Task objective — One number is the whole answer: the tally of lines in the records below that contain "FilletRadius".

Supplied data —
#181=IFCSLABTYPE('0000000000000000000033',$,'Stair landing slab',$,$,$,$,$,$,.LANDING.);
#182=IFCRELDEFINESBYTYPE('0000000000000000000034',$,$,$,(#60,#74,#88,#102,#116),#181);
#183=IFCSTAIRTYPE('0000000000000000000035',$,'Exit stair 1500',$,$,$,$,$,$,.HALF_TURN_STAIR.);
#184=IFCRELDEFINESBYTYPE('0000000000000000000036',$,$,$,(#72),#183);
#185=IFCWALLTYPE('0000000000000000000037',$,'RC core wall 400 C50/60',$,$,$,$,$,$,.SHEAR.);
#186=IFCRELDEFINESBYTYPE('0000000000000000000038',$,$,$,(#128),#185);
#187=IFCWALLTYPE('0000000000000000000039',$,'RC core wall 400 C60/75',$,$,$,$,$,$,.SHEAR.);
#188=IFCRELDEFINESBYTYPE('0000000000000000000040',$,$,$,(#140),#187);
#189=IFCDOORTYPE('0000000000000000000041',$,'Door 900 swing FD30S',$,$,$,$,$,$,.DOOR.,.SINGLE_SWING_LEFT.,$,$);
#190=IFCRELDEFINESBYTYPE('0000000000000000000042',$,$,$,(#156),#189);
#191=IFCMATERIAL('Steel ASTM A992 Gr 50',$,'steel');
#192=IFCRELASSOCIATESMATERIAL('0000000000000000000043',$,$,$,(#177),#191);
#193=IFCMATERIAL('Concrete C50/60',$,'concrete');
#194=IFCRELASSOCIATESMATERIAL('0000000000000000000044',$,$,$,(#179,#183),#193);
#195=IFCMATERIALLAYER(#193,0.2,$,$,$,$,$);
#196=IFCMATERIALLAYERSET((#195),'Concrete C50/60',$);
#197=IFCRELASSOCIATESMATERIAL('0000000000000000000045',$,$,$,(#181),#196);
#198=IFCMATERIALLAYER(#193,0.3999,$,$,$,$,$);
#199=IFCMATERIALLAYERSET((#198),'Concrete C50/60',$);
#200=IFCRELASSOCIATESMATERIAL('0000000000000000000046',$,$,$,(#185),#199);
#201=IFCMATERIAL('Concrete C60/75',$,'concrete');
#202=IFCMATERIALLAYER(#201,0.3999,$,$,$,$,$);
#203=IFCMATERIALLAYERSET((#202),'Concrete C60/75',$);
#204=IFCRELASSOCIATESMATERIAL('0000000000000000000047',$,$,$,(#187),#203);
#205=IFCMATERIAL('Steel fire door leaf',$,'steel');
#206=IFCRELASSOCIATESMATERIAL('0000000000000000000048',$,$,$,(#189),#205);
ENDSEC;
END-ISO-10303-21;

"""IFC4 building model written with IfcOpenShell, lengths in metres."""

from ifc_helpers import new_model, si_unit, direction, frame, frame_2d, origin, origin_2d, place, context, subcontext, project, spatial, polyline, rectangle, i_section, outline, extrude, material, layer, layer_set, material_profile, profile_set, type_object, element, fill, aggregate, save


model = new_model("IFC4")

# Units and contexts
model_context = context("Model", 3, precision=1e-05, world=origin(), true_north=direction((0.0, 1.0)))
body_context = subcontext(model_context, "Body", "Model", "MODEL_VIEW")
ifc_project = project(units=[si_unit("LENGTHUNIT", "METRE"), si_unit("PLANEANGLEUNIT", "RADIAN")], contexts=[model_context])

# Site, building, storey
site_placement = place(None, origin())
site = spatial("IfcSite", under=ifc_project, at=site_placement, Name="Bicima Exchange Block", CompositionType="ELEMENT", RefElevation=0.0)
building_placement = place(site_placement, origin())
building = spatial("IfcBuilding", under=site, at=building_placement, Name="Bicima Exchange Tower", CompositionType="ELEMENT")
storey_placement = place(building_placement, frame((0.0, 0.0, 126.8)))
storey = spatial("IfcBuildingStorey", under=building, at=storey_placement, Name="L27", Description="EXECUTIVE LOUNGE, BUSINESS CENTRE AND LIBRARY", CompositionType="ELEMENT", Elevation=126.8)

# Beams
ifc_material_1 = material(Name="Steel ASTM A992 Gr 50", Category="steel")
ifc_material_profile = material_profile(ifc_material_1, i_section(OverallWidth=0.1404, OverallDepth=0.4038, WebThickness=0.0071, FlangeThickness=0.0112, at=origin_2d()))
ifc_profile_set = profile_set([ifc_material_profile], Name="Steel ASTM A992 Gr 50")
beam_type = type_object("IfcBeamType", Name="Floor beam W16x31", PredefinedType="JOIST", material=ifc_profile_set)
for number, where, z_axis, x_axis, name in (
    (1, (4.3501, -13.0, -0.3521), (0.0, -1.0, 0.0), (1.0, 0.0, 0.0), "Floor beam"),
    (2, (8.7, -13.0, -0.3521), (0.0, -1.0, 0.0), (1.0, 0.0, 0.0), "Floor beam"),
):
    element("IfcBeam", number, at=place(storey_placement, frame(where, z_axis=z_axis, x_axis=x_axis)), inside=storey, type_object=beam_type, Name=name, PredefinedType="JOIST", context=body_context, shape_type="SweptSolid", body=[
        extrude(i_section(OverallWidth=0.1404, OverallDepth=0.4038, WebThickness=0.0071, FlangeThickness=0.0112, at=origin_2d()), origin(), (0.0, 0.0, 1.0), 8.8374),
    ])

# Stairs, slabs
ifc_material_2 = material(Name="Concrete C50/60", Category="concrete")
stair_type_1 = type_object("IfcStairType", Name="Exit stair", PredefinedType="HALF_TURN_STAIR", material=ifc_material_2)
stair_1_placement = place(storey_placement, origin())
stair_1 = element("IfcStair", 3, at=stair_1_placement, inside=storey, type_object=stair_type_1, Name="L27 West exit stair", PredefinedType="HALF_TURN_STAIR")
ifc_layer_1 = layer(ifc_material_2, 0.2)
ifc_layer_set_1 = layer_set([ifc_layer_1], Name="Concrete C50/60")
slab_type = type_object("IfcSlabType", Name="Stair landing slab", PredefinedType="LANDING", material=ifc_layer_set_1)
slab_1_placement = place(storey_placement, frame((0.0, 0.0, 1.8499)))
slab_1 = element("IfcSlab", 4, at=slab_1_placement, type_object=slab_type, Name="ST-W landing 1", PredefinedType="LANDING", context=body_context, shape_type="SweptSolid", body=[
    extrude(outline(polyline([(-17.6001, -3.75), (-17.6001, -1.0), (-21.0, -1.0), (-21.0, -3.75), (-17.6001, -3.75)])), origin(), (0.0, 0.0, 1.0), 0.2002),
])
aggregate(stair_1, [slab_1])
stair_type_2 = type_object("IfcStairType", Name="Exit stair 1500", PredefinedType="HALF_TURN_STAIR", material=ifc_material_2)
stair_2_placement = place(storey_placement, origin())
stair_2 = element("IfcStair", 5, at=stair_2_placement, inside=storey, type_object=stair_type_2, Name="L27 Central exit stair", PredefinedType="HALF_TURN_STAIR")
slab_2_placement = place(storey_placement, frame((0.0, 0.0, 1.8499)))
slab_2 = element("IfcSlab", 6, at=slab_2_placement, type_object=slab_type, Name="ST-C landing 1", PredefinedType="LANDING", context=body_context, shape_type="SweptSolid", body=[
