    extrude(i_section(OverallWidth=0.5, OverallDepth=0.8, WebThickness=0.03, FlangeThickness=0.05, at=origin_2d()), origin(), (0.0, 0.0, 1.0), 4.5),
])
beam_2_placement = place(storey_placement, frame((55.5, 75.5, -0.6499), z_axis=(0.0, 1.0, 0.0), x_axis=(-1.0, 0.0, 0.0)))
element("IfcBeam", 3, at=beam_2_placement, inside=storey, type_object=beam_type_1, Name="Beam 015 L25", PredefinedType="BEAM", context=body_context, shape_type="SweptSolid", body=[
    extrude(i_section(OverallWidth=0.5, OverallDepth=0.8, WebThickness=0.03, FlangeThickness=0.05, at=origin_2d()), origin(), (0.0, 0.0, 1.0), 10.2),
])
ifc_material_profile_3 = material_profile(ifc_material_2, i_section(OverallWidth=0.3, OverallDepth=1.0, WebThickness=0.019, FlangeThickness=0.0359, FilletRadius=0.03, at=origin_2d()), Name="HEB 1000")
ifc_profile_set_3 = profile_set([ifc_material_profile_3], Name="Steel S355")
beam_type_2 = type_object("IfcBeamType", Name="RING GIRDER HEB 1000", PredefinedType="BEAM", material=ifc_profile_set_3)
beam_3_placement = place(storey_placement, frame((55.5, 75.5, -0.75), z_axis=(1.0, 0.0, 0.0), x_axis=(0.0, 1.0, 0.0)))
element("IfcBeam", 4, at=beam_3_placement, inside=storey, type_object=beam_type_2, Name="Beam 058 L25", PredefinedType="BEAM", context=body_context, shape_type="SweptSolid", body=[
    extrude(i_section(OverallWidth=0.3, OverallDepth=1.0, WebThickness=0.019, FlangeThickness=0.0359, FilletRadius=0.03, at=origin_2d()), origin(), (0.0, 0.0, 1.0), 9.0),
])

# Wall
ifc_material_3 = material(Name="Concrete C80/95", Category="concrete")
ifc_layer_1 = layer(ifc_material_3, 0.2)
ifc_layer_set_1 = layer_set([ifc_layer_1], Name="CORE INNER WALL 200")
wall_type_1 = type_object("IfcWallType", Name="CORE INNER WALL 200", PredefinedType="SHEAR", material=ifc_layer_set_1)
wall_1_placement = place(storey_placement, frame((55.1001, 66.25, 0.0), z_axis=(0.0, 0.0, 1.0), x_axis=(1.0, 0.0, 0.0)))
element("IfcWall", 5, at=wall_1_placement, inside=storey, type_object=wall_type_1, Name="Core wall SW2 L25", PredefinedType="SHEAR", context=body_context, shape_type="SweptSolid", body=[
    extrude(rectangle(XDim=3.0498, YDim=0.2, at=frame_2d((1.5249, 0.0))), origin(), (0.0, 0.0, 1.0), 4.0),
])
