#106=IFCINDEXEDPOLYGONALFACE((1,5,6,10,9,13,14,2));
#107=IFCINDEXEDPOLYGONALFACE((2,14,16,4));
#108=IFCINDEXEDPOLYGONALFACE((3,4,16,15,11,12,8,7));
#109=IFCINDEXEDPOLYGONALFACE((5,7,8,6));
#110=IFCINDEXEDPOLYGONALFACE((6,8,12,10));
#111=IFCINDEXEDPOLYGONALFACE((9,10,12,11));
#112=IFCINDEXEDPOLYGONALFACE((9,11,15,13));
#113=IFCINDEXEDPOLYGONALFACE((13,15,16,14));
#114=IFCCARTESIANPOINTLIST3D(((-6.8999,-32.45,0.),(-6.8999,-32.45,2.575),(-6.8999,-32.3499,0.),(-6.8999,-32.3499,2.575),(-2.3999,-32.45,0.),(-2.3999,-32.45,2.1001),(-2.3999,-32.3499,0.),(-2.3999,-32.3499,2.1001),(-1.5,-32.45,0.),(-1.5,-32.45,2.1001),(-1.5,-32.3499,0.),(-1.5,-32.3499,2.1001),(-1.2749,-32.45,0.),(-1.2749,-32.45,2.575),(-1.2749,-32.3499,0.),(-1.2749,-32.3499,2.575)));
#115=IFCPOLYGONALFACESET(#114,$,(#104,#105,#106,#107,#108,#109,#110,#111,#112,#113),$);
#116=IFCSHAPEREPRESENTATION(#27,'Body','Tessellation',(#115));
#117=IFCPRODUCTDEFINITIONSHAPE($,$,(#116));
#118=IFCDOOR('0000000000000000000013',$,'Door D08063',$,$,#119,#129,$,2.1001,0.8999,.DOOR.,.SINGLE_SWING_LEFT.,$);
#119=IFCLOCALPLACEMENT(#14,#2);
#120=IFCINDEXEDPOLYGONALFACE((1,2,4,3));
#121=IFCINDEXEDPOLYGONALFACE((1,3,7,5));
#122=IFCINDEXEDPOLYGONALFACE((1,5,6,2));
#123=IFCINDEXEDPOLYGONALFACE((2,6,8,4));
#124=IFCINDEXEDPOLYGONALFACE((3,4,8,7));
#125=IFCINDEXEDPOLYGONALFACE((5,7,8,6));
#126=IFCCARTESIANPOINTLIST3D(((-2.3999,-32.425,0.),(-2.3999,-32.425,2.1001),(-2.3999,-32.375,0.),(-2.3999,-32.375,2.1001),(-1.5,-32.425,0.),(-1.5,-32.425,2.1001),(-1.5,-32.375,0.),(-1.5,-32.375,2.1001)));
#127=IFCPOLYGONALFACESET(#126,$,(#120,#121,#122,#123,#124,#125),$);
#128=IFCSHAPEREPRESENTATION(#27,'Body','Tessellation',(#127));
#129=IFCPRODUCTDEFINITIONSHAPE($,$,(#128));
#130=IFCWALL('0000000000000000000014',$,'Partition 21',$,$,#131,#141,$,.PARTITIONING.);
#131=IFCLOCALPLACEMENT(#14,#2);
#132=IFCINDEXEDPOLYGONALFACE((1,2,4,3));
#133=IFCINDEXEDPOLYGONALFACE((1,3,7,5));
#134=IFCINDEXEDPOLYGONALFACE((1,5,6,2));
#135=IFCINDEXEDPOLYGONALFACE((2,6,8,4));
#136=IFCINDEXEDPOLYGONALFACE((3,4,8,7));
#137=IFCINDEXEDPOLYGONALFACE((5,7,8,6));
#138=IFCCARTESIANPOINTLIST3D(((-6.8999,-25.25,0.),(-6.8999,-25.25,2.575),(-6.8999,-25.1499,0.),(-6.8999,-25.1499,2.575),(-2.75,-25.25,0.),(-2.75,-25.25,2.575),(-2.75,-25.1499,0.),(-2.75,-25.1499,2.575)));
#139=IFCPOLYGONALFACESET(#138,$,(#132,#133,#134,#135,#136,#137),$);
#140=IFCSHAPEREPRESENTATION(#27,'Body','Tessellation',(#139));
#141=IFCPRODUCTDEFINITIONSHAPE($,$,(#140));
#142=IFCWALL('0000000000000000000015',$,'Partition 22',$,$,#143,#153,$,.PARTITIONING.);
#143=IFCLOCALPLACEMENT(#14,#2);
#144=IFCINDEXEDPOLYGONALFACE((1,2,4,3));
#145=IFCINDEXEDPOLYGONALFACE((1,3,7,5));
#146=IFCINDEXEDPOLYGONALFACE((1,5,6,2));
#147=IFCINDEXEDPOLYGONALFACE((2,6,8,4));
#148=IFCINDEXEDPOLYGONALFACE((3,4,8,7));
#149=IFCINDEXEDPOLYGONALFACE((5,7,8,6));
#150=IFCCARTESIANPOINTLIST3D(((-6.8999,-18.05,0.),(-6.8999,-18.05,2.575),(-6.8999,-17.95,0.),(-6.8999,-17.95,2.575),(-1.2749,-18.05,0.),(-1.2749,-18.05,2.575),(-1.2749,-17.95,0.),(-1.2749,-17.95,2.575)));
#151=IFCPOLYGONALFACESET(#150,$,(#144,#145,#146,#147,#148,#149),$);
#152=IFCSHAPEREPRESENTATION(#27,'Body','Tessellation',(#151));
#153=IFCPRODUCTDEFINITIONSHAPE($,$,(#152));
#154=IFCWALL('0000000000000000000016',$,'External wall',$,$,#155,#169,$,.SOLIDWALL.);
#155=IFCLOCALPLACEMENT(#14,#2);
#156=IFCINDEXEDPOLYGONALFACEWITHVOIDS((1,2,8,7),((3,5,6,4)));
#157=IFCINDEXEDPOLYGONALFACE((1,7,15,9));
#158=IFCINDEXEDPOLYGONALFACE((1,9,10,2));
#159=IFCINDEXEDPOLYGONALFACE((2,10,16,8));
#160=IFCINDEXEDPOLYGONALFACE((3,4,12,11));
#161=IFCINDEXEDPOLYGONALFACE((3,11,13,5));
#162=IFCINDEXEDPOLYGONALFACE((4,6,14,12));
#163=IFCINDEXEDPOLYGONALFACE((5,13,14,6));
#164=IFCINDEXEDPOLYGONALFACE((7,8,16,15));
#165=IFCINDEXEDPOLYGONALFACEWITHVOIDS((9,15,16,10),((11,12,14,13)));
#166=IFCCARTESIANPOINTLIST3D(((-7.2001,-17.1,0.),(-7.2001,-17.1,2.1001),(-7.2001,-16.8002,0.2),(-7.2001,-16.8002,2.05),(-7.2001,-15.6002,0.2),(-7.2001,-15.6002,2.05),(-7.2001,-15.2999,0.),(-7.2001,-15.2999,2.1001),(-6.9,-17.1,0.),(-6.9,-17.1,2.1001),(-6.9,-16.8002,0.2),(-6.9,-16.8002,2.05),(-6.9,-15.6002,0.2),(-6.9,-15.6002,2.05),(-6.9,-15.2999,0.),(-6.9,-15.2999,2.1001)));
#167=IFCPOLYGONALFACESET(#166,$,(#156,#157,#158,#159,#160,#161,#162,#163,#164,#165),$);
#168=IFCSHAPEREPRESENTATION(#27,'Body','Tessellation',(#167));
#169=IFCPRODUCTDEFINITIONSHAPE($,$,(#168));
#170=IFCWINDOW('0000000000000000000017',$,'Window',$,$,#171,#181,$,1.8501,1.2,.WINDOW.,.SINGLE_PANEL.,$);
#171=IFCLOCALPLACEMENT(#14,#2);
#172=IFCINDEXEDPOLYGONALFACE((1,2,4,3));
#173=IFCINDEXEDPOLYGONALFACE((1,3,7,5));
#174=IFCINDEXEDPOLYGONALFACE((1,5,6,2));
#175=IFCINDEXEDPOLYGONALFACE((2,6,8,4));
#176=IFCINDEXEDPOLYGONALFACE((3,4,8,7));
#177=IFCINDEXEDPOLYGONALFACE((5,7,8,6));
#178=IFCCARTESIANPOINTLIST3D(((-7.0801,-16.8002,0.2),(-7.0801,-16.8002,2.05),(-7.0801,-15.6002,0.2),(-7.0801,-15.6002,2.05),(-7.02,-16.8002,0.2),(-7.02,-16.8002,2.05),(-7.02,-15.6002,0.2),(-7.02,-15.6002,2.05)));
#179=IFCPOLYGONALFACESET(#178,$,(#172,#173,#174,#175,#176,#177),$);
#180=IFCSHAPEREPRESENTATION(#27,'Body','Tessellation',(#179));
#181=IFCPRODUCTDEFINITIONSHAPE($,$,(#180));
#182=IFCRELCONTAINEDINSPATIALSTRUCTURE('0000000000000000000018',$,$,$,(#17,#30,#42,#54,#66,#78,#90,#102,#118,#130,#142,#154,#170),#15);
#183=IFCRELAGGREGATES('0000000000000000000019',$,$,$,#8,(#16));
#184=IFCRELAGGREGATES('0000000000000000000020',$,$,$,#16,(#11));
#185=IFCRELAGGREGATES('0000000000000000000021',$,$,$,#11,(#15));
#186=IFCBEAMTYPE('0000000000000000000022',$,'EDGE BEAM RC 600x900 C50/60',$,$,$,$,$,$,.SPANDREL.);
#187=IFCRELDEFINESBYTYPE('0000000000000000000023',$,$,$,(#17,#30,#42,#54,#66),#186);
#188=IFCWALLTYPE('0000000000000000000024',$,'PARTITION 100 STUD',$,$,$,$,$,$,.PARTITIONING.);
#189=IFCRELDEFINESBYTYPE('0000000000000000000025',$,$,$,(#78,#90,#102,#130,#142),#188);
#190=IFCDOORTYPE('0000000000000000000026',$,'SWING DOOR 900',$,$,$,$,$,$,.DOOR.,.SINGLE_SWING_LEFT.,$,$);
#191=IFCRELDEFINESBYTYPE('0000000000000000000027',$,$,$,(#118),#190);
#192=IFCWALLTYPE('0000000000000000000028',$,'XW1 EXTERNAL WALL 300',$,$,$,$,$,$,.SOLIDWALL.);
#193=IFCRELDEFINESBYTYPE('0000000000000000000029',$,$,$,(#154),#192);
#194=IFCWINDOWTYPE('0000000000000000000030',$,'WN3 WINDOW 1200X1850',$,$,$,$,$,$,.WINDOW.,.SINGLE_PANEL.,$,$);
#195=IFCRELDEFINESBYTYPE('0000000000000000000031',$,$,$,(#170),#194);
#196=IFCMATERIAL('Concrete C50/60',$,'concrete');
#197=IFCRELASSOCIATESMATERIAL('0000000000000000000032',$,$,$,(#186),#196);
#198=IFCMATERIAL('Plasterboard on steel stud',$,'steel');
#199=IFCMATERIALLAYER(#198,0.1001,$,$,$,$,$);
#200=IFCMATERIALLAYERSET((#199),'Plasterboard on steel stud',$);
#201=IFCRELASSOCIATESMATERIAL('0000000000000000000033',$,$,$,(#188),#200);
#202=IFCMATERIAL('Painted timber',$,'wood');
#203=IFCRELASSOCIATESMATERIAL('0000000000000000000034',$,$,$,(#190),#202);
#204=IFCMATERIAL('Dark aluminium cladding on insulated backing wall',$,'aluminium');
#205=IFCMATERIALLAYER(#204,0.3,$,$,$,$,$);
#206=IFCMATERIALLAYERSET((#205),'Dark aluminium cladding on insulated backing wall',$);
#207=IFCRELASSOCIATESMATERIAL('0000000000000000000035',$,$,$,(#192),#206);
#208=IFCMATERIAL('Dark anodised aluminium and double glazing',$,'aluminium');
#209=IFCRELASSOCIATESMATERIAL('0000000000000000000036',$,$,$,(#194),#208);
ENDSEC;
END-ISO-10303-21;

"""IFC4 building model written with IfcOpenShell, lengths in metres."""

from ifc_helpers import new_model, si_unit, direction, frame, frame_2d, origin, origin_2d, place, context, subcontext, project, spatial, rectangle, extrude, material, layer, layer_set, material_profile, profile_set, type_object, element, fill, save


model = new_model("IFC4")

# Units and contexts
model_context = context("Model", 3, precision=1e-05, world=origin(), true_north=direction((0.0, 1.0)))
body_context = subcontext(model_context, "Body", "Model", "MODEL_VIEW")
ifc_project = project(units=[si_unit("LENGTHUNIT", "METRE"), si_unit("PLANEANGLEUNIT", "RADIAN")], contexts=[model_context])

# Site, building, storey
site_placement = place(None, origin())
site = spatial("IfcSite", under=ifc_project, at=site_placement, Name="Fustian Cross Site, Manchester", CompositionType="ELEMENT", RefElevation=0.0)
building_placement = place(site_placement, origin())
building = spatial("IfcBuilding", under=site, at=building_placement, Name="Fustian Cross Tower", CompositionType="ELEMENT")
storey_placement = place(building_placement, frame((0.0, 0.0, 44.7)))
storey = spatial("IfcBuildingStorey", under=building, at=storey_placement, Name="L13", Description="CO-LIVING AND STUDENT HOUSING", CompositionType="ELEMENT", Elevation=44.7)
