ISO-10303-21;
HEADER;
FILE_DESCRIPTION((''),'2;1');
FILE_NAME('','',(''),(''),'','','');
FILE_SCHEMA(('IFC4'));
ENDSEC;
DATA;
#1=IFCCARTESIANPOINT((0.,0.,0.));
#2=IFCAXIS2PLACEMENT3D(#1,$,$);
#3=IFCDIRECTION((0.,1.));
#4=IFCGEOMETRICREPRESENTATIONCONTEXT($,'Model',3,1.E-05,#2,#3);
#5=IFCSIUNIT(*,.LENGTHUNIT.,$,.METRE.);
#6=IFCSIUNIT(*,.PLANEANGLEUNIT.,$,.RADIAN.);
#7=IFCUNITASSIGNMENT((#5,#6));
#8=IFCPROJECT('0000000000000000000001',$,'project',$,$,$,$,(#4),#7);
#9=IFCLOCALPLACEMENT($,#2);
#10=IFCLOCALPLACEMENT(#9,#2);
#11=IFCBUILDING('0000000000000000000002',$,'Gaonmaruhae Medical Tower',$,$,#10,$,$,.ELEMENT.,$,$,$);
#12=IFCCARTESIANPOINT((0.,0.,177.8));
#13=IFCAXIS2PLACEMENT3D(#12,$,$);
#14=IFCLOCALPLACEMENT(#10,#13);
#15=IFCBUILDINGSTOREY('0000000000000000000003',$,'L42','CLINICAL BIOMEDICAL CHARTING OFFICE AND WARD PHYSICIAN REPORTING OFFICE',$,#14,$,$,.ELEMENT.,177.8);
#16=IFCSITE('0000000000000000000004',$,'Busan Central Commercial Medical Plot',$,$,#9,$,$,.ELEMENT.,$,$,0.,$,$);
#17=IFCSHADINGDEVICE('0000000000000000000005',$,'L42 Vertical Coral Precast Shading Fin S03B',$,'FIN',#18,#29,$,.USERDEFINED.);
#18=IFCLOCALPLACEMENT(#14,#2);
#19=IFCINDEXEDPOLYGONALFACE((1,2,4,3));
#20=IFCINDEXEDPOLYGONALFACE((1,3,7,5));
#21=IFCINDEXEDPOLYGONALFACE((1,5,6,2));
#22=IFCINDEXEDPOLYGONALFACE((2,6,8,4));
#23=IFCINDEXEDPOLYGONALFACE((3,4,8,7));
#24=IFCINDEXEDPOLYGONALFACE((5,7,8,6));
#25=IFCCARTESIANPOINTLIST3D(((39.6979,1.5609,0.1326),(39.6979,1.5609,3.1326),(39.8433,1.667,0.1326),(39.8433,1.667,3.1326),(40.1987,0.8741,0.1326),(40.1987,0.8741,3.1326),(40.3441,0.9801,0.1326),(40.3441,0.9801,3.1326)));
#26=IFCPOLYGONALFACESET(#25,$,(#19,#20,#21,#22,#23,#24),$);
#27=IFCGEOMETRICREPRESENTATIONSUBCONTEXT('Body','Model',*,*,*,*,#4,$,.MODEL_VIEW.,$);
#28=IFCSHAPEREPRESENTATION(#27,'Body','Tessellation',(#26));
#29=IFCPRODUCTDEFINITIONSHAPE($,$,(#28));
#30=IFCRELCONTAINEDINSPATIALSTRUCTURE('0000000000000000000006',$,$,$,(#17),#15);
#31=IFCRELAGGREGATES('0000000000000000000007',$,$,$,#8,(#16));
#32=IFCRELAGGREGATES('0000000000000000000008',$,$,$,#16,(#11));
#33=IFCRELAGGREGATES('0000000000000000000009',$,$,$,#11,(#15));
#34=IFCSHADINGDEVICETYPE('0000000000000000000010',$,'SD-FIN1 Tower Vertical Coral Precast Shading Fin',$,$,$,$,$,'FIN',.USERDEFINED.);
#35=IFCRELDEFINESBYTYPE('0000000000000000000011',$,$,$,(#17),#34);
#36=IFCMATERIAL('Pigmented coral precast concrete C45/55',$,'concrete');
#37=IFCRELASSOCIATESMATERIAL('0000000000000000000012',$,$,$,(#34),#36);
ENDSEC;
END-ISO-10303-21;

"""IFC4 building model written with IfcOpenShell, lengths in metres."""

from ifc_helpers import new_model, si_unit, direction, frame, origin, origin_2d, place, context, subcontext, project, spatial, rectangle, extrude, material, type_object, element, save


model = new_model("IFC4")

# Units and contexts
model_context = context("Model", 3, precision=1e-05, world=origin(), true_north=direction((0.0, 1.0)))
body_context = subcontext(model_context, "Body", "Model", "MODEL_VIEW")
ifc_project = project(units=[si_unit("LENGTHUNIT", "METRE"), si_unit("PLANEANGLEUNIT", "RADIAN")], contexts=[model_context])

# Site, building, storey
site_placement = place(None, origin())
site = spatial("IfcSite", under=ifc_project, at=site_placement, Name="Busan Central Commercial Medical Plot", CompositionType="ELEMENT", RefElevation=0.0)
building_placement = place(site_placement, origin())
building = spatial("IfcBuilding", under=site, at=building_placement, Name="Gaonmaruhae Medical Tower", CompositionType="ELEMENT")
storey_placement = place(building_placement, frame((0.0, 0.0, 177.8)))
storey = spatial("IfcBuildingStorey", under=building, at=storey_placement, Name="L42", Description="CLINICAL BIOMEDICAL CHARTING OFFICE AND WARD PHYSICIAN REPORTING OFFICE", CompositionType="ELEMENT", Elevation=177.8)

# Shading device
ifc_material_1 = material(Name="Pigmented coral precast concrete C45/55", Category="concrete")
shading_device_type = type_object("IfcShadingDeviceType", Name="SD-FIN1 Tower Vertical Coral Precast Shading Fin", ElementType="FIN", PredefinedType="USERDEFINED", material=ifc_material_1)
shading_device_placement = place(storey_placement, frame((40.021, 1.2705, 0.1326), z_axis=(0.0, 0.0, 1.0), x_axis=(-0.80799, -0.589196, 0.0)))
element("IfcShadingDevice", 1, at=shading_device_placement, inside=storey, type_object=shading_device_type, Name="L42 Vertical Coral Precast Shading Fin S03B", ObjectType="FIN", PredefinedType="USERDEFINED", context=body_context, shape_type="SweptSolid", body=[
    extrude(rectangle(XDim=0.1799, YDim=0.8501, at=origin_2d()), origin(), (0.0, 0.0, 1.0), 3.0),
])

save(model, "model.ifc")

Your solution — 2